Keep only the lines from the start of the data through the line containing "#14=IFCLOCALPLACEMENT(#10,#13);", and output them exactly.

[Source data]
== Segment start ==

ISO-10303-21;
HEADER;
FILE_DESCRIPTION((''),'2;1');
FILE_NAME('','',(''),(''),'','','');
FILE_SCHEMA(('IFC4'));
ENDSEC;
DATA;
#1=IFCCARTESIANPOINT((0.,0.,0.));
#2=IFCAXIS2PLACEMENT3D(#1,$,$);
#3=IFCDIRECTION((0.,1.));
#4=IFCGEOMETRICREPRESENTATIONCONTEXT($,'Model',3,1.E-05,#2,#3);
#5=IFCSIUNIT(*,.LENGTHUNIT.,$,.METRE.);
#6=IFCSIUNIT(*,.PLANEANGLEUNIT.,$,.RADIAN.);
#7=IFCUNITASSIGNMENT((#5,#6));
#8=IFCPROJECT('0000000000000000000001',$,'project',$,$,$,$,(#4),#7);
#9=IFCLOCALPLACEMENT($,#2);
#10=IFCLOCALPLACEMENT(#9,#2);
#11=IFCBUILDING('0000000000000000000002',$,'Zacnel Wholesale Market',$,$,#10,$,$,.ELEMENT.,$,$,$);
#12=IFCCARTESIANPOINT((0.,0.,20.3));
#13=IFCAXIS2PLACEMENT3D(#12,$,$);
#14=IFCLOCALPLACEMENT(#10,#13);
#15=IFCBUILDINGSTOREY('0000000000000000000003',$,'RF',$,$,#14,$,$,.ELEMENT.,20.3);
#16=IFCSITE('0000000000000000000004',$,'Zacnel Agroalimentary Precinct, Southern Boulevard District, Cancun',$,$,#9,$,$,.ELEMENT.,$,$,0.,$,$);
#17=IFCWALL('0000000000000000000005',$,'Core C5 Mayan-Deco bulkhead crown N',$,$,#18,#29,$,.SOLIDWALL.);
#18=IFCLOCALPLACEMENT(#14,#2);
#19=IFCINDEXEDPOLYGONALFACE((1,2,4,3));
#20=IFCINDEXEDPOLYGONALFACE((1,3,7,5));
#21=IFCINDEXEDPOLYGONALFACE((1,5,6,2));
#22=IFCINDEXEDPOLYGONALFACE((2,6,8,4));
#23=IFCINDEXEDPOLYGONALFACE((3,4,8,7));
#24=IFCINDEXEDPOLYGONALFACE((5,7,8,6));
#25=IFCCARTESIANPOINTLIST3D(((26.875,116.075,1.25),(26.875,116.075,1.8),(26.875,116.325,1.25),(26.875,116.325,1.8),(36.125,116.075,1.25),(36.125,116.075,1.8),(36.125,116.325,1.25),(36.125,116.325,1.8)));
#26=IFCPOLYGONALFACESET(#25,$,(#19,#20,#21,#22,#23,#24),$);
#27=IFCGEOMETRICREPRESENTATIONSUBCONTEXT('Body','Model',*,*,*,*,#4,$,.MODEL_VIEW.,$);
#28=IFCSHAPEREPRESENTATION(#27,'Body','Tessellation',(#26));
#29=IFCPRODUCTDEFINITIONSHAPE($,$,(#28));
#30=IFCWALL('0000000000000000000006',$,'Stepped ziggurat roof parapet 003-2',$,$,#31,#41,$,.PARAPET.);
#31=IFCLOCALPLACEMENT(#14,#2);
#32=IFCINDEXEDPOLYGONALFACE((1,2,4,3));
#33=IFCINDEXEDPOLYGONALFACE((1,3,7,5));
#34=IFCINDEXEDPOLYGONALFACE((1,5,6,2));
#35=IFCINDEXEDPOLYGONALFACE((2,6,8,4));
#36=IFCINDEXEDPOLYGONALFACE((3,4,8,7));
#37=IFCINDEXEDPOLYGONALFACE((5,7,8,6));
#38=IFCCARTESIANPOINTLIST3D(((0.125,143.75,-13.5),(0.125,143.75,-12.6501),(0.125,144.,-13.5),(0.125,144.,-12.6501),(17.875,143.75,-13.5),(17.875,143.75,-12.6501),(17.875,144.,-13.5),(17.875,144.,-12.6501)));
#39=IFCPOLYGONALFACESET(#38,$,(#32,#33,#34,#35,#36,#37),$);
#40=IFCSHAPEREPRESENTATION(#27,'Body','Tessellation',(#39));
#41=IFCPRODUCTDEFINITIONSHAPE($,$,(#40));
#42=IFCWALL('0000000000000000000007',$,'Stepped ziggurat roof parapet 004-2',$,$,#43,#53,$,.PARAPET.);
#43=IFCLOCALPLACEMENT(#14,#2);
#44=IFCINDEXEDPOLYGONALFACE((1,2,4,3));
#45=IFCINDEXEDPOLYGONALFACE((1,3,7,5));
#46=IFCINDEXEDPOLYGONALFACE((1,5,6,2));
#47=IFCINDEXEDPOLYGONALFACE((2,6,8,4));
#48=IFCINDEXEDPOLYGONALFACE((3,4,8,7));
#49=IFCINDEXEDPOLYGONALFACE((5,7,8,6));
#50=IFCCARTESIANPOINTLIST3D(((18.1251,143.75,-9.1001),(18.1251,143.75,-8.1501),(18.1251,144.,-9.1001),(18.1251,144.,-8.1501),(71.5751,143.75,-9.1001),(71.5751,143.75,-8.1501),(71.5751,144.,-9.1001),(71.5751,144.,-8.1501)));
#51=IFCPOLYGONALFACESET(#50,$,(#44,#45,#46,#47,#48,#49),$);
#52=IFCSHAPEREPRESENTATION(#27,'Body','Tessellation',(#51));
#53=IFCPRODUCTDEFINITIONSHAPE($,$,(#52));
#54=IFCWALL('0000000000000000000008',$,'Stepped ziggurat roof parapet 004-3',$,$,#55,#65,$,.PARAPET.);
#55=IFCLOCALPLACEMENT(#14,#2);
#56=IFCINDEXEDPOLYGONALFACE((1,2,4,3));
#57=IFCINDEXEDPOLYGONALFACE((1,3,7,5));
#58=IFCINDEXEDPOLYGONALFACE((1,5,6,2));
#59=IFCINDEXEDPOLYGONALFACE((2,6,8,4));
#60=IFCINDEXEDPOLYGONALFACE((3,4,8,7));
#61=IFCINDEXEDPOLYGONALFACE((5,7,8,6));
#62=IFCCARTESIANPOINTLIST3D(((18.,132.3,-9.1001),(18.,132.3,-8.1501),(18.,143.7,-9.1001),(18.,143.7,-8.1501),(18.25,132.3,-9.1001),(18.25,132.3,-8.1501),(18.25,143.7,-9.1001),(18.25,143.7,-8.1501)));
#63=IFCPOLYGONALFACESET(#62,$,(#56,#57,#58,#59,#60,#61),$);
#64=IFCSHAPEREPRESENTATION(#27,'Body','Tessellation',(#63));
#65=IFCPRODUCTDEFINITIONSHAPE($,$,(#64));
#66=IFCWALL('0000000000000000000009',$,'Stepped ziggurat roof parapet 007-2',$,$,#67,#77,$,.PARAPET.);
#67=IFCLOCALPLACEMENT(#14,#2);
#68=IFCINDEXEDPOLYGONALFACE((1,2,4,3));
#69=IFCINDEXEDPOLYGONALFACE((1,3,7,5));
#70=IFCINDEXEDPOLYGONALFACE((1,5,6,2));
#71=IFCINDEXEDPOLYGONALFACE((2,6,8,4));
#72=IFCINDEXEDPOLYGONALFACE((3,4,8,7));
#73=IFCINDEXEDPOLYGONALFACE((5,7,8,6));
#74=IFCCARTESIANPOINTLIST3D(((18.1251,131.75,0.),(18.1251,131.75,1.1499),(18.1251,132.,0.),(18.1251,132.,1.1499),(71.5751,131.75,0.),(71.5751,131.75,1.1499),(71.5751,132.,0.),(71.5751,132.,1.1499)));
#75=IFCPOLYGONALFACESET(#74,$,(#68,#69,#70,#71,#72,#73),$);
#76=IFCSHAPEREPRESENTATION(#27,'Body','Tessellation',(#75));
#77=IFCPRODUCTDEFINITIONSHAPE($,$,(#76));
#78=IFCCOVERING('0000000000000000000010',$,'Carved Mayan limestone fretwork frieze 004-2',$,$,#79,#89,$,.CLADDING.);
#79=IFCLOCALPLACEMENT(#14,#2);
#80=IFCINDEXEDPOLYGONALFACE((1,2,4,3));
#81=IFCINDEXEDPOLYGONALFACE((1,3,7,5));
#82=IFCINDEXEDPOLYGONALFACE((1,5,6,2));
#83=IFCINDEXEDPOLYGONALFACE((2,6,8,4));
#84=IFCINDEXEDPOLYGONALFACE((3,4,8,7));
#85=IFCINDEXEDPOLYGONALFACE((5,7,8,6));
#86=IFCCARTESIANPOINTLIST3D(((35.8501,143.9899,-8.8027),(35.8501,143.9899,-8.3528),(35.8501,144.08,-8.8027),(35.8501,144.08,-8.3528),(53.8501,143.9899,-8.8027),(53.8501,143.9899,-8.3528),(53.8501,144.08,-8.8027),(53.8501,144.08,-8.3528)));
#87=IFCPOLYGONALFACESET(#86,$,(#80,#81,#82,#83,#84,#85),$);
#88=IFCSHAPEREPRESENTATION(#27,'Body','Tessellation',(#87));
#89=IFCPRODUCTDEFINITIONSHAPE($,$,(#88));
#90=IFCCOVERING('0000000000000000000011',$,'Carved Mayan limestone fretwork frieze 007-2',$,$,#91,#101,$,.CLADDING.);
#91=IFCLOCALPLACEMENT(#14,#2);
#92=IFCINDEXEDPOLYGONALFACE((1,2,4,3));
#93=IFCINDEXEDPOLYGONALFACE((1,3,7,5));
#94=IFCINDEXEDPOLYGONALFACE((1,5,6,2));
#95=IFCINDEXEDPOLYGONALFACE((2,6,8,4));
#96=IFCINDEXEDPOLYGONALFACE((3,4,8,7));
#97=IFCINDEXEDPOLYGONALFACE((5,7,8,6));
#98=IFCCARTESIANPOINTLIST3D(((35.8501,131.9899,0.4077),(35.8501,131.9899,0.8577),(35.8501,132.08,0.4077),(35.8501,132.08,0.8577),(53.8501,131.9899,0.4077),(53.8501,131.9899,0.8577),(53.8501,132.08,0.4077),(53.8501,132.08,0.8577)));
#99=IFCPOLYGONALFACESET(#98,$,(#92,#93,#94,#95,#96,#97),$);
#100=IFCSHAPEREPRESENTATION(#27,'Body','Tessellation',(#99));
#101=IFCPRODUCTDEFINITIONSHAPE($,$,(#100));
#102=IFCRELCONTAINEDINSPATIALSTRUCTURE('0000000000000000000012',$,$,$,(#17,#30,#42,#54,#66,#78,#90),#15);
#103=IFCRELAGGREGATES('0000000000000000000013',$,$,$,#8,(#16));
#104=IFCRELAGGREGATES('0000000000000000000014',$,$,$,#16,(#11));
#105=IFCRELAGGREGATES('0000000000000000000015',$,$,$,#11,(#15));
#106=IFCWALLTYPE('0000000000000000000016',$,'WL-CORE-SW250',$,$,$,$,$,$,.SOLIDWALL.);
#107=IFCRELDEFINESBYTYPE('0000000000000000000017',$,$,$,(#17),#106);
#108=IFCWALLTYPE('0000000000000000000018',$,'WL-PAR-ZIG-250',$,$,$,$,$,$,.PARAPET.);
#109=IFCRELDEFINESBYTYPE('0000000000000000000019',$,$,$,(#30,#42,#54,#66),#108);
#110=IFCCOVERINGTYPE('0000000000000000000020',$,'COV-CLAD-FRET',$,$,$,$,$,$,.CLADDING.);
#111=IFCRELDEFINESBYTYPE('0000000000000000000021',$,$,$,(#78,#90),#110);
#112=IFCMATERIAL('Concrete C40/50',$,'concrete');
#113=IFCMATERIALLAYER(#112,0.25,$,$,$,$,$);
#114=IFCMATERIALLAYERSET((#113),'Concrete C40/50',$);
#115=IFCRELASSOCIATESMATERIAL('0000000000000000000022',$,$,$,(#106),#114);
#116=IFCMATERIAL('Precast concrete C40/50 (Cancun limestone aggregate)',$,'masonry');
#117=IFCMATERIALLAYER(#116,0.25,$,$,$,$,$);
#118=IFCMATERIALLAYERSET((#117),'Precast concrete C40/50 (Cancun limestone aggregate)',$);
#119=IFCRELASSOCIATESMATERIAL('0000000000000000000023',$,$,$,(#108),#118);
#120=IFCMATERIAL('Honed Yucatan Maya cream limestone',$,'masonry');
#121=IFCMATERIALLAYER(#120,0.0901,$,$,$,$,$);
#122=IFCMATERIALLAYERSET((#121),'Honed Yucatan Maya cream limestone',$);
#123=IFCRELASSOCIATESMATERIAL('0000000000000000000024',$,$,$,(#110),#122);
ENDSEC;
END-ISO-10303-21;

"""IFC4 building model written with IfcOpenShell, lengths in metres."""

from ifc_helpers import new_model, si_unit, direction, frame, frame_2d, origin, origin_2d, place, context, subcontext, project, spatial, rectangle, extrude, material, layer, layer_set, type_object, element, save


model = new_model("IFC4")

# Units and contexts
model_context = context("Model", 3, precision=1e-05, world=origin(), true_north=direction((0.0, 1.0)))
body_context = subcontext(model_context, "Body", "Model", "MODEL_VIEW")
ifc_project = project(units=[si_unit("LENGTHUNIT", "METRE"), si_unit("PLANEANGLEUNIT", "RADIAN")], contexts=[model_context])

# Site, building, storey
site_placement = place(None, origin())
site = spatial("IfcSite", under=ifc_project, at=site_placement, Name="Zacnel Agroalimentary Precinct, Southern Boulevard District, Cancun", CompositionType="ELEMENT", RefElevation=0.0)
building_placement = place(site_placement, origin())
building = spatial("IfcBuilding", under=site, at=building_placement, Name="Zacnel Wholesale Market", CompositionType="ELEMENT")
storey_placement = place(building_placement, frame((0.0, 0.0, 20.3)))
storey = spatial("IfcBuildingStorey", under=building, at=storey_placement, Name="RF", CompositionType="ELEMENT", Elevation=20.3)

# Walls
ifc_material_1 = material(Name="Concrete C40/50", Category="concrete")
ifc_layer_1 = layer(ifc_material_1, 0.25)
ifc_layer_set_1 = layer_set([ifc_layer_1], Name="Concrete C40/50")
wall_type_1 = type_object("IfcWallType", Name="WL-CORE-SW250", PredefinedType="SOLIDWALL", material=ifc_layer_set_1)
wall_1_placement = place(storey_placement, frame((26.875, 116.2, 1.25), z_axis=(0.0, 0.0, 1.0), x_axis=(1.0, 0.0, 0.0)))
element("IfcWall", 1, at=wall_1_placement, inside=storey, type_object=wall_type_1, Name="Core C5 Mayan-Deco bulkhead crown N", PredefinedType="SOLIDWALL", context=body_context, shape_type="SweptSolid", body=[
    extrude(rectangle(XDim=9.25, YDim=0.25, at=frame_2d((4.625, 0.0))), origin(), (0.0, 0.0, 1.0), 0.55),
])
ifc_material_2 = material(Name="Precast concrete C40/50 (Cancun limestone aggregate)", Category="masonry")
ifc_layer_2 = layer(ifc_material_2, 0.25)
ifc_layer_set_2 = layer_set([ifc_layer_2], Name="Precast concrete C40/50 (Cancun limestone aggregate)")
wall_type_2 = type_object("IfcWallType", Name="WL-PAR-ZIG-250", PredefinedType="PARAPET", material=ifc_layer_set_2)
wall_2_placement = place(storey_placement, frame((0.125, 143.875, -13.5), z_axis=(0.0, 0.0, 1.0), x_axis=(1.0, 0.0, 0.0)))
element("IfcWall", 2, at=wall_2_placement, inside=storey, type_object=wall_type_2, Name="Stepped ziggurat roof parapet 003-2", PredefinedType="PARAPET", context=body_context, shape_type="SweptSolid", body=[
    extrude(rectangle(XDim=17.75, YDim=0.25, at=frame_2d((8.875, 0.0))), origin(), (0.0, 0.0, 1.0), 0.8499),
])
wall_3_placement = place(storey_placement, frame((18.125, 143.875, -9.1001), z_axis=(0.0, 0.0, 1.0), x_axis=(1.0, 0.0, 0.0)))
element("IfcWall", 3, at=wall_3_placement, inside=storey, type_object=wall_type_2, Name="Stepped ziggurat roof parapet 004-2", PredefinedType="PARAPET", context=body_context, shape_type="SweptSolid", body=[
    extrude(rectangle(XDim=53.45, YDim=0.25, at=frame_2d((26.7251, 0.0))), origin(), (0.0, 0.0, 1.0), 0.95),
])
wall_4_placement = place(storey_placement, frame((18.125, 132.3, -9.1001), z_axis=(0.0, 0.0, 1.0), x_axis=(0.0, 1.0, 0.0)))
element("IfcWall", 4, at=wall_4_placement, inside=storey, type_object=wall_type_2, Name="Stepped ziggurat roof parapet 004-3", PredefinedType="PARAPET", context=body_context, shape_type="SweptSolid", body=[
    extrude(rectangle(XDim=11.3999, YDim=0.25, at=frame_2d((5.7, 0.0))), origin(), (0.0, 0.0, 1.0), 0.95),
])
wall_5_placement = place(storey_placement, frame((18.125, 131.875, 0.0), z_axis=(0.0, 0.0, 1.0), x_axis=(1.0, 0.0, 0.0)))
element("IfcWall", 5, at=wall_5_placement, inside=storey, type_object=wall_type_2, Name="Stepped ziggurat roof parapet 007-2", PredefinedType="PARAPET", context=body_context, shape_type="SweptSolid", body=[
    extrude(rectangle(XDim=53.45, YDim=0.25, at=frame_2d((26.7251, 0.0))), origin(), (0.0, 0.0, 1.0), 1.1499),
])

== Segment end ==

Result for this exercise:
ISO-10303-21;
HEADER;
FILE_DESCRIPTION((''),'2;1');
FILE_NAME('','',(''),(''),'','','');
FILE_SCHEMA(('IFC4'));
ENDSEC;
DATA;
#1=IFCCARTESIANPOINT((0.,0.,0.));
#2=IFCAXIS2PLACEMENT3D(#1,$,$);
#3=IFCDIRECTION((0.,1.));
#4=IFCGEOMETRICREPRESENTATIONCONTEXT($,'Model',3,1.E-05,#2,#3);
#5=IFCSIUNIT(*,.LENGTHUNIT.,$,.METRE.);
#6=IFCSIUNIT(*,.PLANEANGLEUNIT.,$,.RADIAN.);
#7=IFCUNITASSIGNMENT((#5,#6));
#8=IFCPROJECT('0000000000000000000001',$,'project',$,$,$,$,(#4),#7);
#9=IFCLOCALPLACEMENT($,#2);
#10=IFCLOCALPLACEMENT(#9,#2);
#11=IFCBUILDING('0000000000000000000002',$,'Zacnel Wholesale Market',$,$,#10,$,$,.ELEMENT.,$,$,$);
#12=IFCCARTESIANPOINT((0.,0.,20.3));
#13=IFCAXIS2PLACEMENT3D(#12,$,$);
#14=IFCLOCALPLACEMENT(#10,#13);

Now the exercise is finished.